BEGIN Data for review

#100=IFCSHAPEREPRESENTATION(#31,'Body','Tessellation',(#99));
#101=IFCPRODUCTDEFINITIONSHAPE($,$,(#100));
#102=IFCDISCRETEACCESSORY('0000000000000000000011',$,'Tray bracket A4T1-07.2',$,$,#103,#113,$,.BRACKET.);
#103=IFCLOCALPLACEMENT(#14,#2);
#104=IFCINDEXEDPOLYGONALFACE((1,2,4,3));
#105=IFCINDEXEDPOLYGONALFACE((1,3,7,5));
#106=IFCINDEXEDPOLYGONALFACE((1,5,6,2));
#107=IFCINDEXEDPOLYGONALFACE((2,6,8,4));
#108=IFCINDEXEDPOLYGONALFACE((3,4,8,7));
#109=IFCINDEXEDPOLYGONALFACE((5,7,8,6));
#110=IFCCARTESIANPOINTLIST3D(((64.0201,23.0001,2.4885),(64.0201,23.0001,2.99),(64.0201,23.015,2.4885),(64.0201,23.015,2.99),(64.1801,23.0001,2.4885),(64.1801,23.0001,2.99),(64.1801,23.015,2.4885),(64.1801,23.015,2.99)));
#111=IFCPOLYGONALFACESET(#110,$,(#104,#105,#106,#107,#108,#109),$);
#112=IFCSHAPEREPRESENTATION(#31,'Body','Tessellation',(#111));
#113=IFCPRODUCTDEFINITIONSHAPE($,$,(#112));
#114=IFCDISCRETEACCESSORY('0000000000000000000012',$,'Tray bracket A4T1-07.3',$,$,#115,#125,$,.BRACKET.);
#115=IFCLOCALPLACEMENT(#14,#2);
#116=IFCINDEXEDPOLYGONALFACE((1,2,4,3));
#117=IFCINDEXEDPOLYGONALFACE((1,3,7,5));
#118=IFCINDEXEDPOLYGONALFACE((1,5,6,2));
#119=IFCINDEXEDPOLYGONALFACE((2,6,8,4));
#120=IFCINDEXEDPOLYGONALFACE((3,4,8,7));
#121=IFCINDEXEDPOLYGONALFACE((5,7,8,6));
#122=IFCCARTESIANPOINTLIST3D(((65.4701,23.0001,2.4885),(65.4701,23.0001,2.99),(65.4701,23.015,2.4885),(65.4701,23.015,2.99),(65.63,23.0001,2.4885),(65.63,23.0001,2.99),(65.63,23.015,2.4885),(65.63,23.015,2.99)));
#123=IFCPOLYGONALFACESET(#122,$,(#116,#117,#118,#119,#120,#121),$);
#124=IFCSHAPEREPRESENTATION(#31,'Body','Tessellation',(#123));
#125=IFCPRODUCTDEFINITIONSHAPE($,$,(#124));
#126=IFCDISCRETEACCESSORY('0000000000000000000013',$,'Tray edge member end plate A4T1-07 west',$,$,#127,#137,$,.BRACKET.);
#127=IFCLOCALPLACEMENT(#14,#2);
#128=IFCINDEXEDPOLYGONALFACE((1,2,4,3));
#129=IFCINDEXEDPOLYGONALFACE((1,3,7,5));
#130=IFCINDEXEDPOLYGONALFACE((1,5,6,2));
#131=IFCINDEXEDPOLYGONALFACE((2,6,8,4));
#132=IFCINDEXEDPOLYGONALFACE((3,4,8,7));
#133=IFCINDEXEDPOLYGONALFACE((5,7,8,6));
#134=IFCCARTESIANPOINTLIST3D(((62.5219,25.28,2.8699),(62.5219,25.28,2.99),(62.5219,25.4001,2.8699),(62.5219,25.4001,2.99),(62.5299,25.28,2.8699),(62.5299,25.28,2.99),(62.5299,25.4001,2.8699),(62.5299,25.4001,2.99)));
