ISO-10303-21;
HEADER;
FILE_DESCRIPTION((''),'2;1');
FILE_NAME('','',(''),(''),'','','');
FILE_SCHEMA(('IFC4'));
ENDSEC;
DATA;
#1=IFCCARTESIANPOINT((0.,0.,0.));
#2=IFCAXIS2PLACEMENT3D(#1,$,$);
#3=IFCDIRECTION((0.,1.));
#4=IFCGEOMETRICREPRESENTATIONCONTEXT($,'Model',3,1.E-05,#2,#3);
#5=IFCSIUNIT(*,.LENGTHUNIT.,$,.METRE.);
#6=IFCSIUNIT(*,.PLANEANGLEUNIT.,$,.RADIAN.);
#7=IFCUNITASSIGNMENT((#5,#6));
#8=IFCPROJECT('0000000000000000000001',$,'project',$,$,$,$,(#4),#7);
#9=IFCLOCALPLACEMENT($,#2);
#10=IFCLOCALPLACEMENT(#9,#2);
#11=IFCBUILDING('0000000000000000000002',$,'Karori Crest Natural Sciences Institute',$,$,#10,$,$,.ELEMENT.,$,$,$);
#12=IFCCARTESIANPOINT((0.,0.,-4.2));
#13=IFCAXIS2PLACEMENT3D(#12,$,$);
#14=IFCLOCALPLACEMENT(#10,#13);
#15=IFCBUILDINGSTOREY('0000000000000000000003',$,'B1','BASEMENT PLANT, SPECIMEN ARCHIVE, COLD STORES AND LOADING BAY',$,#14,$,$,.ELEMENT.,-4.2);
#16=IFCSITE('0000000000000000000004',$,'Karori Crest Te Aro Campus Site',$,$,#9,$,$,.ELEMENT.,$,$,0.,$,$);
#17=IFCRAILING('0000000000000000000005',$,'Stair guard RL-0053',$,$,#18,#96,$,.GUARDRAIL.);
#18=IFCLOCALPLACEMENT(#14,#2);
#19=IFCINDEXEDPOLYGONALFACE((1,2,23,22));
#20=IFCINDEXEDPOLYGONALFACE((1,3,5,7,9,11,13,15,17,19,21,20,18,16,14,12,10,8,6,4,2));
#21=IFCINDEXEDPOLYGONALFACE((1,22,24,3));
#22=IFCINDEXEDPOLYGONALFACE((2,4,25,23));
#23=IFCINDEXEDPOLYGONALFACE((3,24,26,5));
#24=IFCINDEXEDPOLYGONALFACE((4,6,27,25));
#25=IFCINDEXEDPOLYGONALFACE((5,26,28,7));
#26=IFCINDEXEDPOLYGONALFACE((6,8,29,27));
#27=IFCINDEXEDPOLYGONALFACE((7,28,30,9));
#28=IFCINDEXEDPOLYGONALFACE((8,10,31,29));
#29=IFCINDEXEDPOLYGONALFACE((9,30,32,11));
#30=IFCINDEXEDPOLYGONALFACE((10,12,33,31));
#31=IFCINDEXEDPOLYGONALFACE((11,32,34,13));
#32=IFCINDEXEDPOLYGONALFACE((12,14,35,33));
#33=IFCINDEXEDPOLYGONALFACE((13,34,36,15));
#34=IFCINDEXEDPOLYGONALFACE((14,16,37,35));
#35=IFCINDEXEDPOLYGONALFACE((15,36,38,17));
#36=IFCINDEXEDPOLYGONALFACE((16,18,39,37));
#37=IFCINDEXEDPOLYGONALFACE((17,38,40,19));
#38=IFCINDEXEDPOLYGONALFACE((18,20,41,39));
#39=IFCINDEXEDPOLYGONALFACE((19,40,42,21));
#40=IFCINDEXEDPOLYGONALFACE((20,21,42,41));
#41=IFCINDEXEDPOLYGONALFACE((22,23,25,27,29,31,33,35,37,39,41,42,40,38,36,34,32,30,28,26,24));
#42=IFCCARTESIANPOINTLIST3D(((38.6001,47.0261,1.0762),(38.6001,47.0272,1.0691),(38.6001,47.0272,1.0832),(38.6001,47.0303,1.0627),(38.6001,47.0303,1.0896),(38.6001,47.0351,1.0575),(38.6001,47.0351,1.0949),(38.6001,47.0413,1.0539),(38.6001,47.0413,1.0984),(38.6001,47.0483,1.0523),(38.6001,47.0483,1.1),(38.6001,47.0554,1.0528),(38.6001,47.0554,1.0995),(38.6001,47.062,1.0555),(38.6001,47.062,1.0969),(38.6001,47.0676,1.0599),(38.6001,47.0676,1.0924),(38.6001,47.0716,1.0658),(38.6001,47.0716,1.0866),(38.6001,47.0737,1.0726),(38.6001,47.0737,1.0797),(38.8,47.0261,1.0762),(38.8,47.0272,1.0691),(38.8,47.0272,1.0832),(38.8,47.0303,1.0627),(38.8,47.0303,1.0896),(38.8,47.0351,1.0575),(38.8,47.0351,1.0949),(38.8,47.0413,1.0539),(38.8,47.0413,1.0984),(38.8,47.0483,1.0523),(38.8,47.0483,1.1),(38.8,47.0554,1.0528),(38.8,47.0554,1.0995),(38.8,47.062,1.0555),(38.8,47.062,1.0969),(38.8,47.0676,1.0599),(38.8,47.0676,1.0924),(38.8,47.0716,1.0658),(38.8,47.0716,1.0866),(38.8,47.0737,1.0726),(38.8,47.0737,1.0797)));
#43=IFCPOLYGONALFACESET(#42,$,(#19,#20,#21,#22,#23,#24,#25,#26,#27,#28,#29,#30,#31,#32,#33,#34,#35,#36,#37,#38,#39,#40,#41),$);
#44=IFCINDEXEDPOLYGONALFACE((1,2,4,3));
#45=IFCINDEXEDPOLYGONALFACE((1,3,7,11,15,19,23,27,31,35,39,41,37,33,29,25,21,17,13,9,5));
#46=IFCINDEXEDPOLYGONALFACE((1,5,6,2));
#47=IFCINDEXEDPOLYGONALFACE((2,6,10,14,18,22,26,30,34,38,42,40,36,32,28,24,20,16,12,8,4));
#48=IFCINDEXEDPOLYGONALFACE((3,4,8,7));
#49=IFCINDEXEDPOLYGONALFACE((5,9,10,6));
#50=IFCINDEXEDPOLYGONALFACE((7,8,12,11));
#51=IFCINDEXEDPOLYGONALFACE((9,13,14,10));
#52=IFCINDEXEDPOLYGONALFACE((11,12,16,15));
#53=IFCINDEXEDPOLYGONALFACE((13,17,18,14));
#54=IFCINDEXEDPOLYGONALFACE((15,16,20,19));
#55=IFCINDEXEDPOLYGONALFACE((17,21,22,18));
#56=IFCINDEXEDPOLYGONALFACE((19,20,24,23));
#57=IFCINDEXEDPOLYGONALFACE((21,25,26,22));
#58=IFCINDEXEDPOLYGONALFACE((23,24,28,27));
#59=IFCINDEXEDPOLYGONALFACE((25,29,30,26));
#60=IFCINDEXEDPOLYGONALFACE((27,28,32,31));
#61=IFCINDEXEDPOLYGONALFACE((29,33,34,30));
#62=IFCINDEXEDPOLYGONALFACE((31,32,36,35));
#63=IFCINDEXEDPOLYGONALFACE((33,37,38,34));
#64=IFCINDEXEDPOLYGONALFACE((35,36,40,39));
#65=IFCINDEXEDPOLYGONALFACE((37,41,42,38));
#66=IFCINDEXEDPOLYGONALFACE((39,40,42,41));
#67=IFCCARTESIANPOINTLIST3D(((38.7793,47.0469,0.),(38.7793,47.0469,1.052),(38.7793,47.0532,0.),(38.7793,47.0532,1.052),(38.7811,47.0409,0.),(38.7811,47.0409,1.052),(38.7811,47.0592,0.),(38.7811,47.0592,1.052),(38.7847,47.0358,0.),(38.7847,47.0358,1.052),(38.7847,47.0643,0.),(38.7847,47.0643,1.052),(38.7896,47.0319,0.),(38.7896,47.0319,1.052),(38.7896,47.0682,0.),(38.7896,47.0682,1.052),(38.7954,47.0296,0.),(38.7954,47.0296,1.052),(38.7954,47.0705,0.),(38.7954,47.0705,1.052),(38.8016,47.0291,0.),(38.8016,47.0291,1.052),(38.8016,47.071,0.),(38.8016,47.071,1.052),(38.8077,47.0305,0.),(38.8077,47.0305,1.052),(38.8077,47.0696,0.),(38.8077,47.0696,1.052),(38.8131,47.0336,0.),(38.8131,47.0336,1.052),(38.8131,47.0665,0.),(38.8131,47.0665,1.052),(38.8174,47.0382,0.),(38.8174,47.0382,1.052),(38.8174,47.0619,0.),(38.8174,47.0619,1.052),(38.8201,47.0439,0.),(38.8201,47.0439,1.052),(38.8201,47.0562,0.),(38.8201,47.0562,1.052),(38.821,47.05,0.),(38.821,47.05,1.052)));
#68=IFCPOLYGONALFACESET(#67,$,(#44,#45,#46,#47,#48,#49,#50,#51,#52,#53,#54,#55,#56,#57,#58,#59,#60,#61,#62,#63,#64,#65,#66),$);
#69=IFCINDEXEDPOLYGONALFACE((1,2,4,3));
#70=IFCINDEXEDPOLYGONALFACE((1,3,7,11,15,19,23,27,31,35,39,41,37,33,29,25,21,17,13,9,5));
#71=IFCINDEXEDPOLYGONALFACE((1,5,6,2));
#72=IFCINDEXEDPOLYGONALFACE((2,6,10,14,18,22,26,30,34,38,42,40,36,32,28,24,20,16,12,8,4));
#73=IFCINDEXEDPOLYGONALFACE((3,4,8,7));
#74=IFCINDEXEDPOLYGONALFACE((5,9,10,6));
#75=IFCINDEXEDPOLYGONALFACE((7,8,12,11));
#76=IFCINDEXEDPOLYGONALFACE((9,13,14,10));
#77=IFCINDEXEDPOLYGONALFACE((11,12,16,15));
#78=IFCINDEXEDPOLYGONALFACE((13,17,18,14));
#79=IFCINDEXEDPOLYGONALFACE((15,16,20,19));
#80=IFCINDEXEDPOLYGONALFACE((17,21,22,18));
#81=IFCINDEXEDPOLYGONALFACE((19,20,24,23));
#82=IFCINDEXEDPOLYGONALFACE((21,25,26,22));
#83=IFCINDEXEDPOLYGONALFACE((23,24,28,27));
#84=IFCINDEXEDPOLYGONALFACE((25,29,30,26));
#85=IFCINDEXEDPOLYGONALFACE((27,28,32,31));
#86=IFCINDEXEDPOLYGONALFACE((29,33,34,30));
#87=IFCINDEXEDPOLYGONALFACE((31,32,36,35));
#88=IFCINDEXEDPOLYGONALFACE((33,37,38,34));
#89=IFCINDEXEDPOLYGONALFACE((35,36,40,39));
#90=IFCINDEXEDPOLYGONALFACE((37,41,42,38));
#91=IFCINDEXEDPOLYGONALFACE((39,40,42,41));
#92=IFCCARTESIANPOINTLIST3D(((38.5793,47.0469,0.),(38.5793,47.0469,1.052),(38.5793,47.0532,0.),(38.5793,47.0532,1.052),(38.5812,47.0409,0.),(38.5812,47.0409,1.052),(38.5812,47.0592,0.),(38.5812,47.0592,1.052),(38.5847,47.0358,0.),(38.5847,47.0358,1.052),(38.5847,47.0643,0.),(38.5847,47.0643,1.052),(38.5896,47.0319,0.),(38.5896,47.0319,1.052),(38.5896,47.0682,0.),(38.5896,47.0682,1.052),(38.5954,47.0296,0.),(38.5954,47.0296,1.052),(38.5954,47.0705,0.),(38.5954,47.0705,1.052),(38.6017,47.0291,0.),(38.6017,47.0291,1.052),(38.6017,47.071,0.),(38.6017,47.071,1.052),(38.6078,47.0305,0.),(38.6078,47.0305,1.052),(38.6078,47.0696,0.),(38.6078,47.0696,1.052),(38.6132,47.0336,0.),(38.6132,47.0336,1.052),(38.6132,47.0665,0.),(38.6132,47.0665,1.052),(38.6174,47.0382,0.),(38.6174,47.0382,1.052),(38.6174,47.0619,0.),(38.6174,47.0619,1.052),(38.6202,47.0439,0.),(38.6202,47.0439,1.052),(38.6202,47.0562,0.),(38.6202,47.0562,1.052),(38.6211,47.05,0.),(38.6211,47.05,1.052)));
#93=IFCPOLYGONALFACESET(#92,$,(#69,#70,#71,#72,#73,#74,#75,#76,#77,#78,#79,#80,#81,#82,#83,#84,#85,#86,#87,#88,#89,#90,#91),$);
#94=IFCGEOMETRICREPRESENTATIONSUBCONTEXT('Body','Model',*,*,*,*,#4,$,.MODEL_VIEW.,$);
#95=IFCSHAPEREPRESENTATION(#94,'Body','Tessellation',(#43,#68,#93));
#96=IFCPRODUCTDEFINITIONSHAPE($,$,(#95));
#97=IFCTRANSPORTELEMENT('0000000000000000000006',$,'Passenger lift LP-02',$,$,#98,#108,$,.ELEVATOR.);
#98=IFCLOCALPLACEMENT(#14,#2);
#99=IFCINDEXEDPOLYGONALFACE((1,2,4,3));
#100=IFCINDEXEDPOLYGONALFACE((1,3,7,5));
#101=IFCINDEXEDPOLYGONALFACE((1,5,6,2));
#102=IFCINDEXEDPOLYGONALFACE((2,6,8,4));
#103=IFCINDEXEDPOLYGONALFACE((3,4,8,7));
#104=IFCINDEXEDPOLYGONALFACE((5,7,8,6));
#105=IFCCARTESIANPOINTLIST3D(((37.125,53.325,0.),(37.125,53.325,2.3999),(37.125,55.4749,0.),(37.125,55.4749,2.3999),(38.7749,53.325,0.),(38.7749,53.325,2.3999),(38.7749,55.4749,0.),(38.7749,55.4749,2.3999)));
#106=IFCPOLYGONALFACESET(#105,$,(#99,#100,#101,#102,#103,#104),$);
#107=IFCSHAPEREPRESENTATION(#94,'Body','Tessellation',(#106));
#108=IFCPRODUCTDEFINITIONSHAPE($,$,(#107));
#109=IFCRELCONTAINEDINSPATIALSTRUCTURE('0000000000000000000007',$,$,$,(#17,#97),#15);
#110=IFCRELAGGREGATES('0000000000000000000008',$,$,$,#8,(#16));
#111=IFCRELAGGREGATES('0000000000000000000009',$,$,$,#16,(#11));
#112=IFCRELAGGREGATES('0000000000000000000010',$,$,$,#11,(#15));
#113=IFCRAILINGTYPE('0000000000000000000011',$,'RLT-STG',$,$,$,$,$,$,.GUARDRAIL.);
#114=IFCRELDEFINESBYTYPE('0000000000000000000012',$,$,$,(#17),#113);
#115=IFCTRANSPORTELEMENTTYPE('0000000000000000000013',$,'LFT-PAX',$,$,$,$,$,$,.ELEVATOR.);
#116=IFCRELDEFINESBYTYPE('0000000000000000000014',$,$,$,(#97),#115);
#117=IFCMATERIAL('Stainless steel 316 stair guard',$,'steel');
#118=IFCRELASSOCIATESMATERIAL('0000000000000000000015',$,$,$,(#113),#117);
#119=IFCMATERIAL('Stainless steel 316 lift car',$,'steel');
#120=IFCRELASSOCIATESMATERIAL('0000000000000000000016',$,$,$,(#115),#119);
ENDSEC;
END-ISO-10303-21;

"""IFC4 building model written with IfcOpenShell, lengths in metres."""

from ifc_helpers import new_model, si_unit, direction, frame, origin, origin_2d, place, context, subcontext, project, spatial, rectangle, circle, extrude, material, type_object, element, save


model = new_model("IFC4")

# Units and contexts
model_context = context("Model", 3, precision=1e-05, world=origin(), true_north=direction((0.0, 1.0)))
body_context = subcontext(model_context, "Body", "Model", "MODEL_VIEW")
ifc_project = project(units=[si_unit("LENGTHUNIT", "METRE"), si_unit("PLANEANGLEUNIT", "RADIAN")], contexts=[model_context])

# Site, building, storey
site_placement = place(None, origin())
site = spatial("IfcSite", under=ifc_project, at=site_placement, Name="Karori Crest Te Aro Campus Site", CompositionType="ELEMENT", RefElevation=0.0)
building_placement = place(site_placement, origin())
building = spatial("IfcBuilding", under=site, at=building_placement, Name="Karori Crest Natural Sciences Institute", CompositionType="ELEMENT")
storey_placement = place(building_placement, frame((0.0, 0.0, -4.2)))
storey = spatial("IfcBuildingStorey", under=building, at=storey_placement, Name="B1", Description="BASEMENT PLANT, SPECIMEN ARCHIVE, COLD STORES AND LOADING BAY", CompositionType="ELEMENT", Elevation=-4.2)

# Railing
ifc_material_1 = material(Name="Stainless steel 316 stair guard", Category="steel")
railing_type_1 = type_object("IfcRailingType", Name="RLT-STG", PredefinedType="GUARDRAIL", material=ifc_material_1)
railing_1_placement = place(storey_placement, frame((38.8, 47.05, 0.0)))
element("IfcRailing", 1, at=railing_1_placement, inside=storey, type_object=railing_type_1, Name="Stair guard RL-0053", PredefinedType="GUARDRAIL", context=body_context, shape_type="SweptSolid", body=[
    extrude(circle(Radius=0.0239, at=origin_2d()), frame((0.0, 0.0, 1.0762), z_axis=(-1.0, 0.0, 0.0), x_axis=(0.0, -1.0, 0.0)), (0.0, 0.0, 1.0), 0.2),
    extrude(circle(Radius=0.021, at=origin_2d()), origin(), (0.0, 0.0, 1.0), 1.052),
    extrude(circle(Radius=0.021, at=origin_2d()), frame((-0.2, 0.0, 0.0)), (0.0, 0.0, 1.0), 1.052),
])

END Data for review

■ **Your goal**:
Search the entries above for lines holding the string "IFCMATERIAL", then report only how many there are.

■ **Output**:
2